▸ Collected data entries
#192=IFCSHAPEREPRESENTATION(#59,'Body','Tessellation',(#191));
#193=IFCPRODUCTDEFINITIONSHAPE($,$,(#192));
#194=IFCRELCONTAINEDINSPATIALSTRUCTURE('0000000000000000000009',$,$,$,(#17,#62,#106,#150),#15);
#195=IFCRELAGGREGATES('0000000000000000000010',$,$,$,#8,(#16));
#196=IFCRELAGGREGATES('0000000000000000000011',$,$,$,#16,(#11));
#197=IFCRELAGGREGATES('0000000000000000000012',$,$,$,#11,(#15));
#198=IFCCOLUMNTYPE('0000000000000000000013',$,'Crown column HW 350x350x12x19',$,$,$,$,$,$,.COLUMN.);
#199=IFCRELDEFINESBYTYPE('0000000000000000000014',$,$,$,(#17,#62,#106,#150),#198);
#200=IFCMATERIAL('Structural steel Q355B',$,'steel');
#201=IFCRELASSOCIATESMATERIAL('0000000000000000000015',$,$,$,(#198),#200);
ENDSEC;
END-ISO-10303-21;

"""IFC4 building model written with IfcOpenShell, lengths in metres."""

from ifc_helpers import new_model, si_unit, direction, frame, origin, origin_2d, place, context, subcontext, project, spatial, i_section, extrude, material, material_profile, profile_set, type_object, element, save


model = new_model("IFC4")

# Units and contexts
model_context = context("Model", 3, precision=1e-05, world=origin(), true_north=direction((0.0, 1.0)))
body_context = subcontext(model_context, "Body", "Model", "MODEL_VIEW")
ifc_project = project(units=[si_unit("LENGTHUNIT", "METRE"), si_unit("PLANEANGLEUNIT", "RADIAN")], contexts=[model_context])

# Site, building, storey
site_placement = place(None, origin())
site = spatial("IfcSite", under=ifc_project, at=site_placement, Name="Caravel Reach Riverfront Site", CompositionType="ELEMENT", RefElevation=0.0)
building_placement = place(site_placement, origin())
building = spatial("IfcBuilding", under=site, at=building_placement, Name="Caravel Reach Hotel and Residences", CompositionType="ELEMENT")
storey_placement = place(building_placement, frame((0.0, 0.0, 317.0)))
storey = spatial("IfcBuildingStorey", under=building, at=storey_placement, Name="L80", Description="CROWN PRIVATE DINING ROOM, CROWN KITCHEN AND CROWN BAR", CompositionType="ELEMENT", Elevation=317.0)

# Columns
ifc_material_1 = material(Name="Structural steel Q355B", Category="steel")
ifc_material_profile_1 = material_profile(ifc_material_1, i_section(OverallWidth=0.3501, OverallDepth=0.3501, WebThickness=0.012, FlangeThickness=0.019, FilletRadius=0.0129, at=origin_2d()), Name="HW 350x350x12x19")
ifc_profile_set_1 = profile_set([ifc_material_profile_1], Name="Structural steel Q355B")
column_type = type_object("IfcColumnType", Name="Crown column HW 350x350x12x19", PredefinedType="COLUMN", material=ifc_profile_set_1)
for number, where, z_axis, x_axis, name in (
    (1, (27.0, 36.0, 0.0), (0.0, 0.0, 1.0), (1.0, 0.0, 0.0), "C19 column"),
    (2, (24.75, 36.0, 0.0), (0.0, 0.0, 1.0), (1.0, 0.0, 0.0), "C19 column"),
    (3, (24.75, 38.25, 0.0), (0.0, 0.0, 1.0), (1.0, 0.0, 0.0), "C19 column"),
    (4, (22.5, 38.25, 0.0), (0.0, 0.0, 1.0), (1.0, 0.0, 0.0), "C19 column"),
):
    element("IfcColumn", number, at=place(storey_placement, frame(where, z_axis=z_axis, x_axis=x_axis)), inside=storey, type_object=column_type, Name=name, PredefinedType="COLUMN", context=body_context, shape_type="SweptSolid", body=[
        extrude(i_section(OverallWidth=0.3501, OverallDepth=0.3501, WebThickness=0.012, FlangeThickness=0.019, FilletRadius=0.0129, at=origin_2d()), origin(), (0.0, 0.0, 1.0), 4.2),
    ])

▸ Try it
Of the lines above, output exactly those from the line bearing "END-ISO-10303-21;" through the line bearing "# Site, building, storey", inclusive.

▸ Response box
END-ISO-10303-21;

"""IFC4 building model written with IfcOpenShell, lengths in metres."""

from ifc_helpers import new_model, si_unit, direction, frame, origin, origin_2d, place, context, subcontext, project, spatial, i_section, extrude, material, material_profile, profile_set, type_object, element, save


model = new_model("IFC4")

# Units and contexts
model_context = context("Model", 3, precision=1e-05, world=origin(), true_north=direction((0.0, 1.0)))
body_context = subcontext(model_context, "Body", "Model", "MODEL_VIEW")
ifc_project = project(units=[si_unit("LENGTHUNIT", "METRE"), si_unit("PLANEANGLEUNIT", "RADIAN")], contexts=[model_context])

# Site, building, storey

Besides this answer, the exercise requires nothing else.